- [TASK INSTRUCTIONS] Repeat exactly, please, the opening lines of the data below, through and including the line where "#188=IFCINDEXEDPOLYGONALFACE((3,4,8,7));" sits.

- [RECORD SET]
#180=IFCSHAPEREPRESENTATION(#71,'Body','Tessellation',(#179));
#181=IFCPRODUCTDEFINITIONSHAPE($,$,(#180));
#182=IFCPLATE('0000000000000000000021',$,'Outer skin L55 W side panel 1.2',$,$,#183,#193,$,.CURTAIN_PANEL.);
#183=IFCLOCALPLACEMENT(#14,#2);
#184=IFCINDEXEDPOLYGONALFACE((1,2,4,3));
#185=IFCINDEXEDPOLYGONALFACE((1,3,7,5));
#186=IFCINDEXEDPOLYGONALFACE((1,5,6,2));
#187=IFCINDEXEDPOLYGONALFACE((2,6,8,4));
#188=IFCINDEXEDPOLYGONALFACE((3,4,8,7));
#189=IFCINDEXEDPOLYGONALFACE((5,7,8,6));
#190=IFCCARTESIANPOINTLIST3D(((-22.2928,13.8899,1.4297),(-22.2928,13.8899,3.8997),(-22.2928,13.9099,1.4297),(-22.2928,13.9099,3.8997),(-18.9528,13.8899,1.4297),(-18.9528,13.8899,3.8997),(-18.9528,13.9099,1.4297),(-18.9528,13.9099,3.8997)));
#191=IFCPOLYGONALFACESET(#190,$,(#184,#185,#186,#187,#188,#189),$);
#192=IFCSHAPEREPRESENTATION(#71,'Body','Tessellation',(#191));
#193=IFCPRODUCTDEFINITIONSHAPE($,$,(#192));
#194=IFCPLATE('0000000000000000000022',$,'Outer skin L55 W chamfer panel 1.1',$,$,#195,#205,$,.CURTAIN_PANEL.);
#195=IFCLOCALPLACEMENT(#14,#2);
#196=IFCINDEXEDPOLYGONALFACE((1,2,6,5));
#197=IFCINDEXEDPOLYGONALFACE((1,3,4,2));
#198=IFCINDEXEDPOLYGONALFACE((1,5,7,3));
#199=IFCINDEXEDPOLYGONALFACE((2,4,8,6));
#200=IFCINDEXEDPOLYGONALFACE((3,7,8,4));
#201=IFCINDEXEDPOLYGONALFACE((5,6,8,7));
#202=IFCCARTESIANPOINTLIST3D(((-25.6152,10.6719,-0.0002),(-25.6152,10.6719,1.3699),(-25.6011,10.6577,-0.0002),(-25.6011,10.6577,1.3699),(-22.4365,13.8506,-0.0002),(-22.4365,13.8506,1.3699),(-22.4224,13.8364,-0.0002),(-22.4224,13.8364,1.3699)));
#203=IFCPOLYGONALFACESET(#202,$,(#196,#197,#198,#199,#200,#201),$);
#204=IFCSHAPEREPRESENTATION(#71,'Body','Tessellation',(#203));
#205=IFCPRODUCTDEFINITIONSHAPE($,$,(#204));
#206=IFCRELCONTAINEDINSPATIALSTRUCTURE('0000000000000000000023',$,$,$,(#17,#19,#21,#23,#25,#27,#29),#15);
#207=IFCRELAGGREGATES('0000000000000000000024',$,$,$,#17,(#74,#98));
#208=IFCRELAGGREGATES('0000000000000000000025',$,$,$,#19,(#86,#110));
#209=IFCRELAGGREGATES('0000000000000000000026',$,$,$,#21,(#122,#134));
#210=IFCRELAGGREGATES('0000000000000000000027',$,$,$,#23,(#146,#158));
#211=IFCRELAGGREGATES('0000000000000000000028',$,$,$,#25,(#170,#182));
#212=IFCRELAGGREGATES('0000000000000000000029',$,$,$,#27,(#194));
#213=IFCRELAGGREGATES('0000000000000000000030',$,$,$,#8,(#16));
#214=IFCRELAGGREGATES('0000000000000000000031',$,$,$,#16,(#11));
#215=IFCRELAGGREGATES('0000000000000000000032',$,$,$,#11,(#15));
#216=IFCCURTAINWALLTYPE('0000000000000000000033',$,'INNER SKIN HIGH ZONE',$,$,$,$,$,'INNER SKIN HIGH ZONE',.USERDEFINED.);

- [SOLUTION FOR THIS EXERCISE]
#180=IFCSHAPEREPRESENTATION(#71,'Body','Tessellation',(#179));
#181=IFCPRODUCTDEFINITIONSHAPE($,$,(#180));
#182=IFCPLATE('0000000000000000000021',$,'Outer skin L55 W side panel 1.2',$,$,#183,#193,$,.CURTAIN_PANEL.);
#183=IFCLOCALPLACEMENT(#14,#2);
#184=IFCINDEXEDPOLYGONALFACE((1,2,4,3));
#185=IFCINDEXEDPOLYGONALFACE((1,3,7,5));
#186=IFCINDEXEDPOLYGONALFACE((1,5,6,2));
#187=IFCINDEXEDPOLYGONALFACE((2,6,8,4));
#188=IFCINDEXEDPOLYGONALFACE((3,4,8,7));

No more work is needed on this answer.